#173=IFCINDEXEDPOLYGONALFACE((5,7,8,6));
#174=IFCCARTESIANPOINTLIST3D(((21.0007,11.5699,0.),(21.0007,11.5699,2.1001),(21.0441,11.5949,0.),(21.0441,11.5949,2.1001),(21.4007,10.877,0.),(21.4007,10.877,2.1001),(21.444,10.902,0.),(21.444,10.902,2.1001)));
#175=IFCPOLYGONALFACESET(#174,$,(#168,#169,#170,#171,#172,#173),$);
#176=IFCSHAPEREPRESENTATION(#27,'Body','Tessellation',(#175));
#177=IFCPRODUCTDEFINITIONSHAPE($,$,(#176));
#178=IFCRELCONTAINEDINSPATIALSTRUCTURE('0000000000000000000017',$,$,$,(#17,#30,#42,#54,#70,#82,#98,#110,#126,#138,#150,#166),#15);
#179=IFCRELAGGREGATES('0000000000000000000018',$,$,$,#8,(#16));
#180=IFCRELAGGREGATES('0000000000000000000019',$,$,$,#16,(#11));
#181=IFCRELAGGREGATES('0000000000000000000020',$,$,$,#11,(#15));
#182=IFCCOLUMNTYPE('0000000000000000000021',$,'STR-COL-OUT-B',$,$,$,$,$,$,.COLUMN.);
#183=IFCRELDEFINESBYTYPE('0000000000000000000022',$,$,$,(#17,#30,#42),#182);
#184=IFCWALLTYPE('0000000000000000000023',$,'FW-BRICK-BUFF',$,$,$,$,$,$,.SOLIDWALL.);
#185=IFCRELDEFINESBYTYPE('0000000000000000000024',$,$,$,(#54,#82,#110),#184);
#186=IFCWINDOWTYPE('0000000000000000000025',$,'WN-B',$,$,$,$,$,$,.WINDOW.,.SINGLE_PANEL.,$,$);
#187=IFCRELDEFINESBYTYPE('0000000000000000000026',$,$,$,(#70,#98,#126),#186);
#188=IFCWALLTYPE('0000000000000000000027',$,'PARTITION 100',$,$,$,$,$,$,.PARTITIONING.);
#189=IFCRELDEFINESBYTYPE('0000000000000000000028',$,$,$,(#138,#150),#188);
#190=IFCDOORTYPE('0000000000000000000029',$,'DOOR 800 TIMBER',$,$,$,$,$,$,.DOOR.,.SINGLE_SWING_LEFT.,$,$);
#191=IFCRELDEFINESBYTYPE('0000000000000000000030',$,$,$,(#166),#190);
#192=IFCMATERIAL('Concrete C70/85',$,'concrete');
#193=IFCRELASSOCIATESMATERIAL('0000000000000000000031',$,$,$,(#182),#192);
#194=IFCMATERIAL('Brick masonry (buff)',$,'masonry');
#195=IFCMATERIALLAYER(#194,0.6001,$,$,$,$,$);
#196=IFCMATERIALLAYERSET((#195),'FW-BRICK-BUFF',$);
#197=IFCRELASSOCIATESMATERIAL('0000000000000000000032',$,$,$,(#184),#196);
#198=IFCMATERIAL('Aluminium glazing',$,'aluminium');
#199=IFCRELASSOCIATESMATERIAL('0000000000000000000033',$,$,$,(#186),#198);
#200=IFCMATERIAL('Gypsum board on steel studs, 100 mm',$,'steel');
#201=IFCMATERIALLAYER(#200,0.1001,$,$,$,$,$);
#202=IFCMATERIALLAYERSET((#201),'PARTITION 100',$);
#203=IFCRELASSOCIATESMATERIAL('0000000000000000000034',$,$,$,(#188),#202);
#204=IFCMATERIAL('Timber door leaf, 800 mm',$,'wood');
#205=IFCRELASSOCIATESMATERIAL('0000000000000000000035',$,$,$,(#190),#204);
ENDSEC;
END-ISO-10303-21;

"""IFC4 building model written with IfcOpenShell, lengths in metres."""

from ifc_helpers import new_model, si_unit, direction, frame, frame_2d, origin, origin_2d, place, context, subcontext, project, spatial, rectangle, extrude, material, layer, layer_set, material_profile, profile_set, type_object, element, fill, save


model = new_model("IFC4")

———

INSTRUCTIONS TO FOLLOW: Find the line with "#202=IFCMATERIALLAYERSET((#201),'PARTITION 100',$);" in the listing above, then write out that line and each remaining line exactly, with no other text.

RESPONSE AREA:
#202=IFCMATERIALLAYERSET((#201),'PARTITION 100',$);
#203=IFCRELASSOCIATESMATERIAL('0000000000000000000034',$,$,$,(#188),#202);
#204=IFCMATERIAL('Timber door leaf, 800 mm',$,'wood');
#205=IFCRELASSOCIATESMATERIAL('0000000000000000000035',$,$,$,(#190),#204);
ENDSEC;
END-ISO-10303-21;

"""IFC4 building model written with IfcOpenShell, lengths in metres."""

from ifc_helpers import new_model, si_unit, direction, frame, frame_2d, origin, origin_2d, place, context, subcontext, project, spatial, rectangle, extrude, material, layer, layer_set, material_profile, profile_set, type_object, element, fill, save


model = new_model("IFC4")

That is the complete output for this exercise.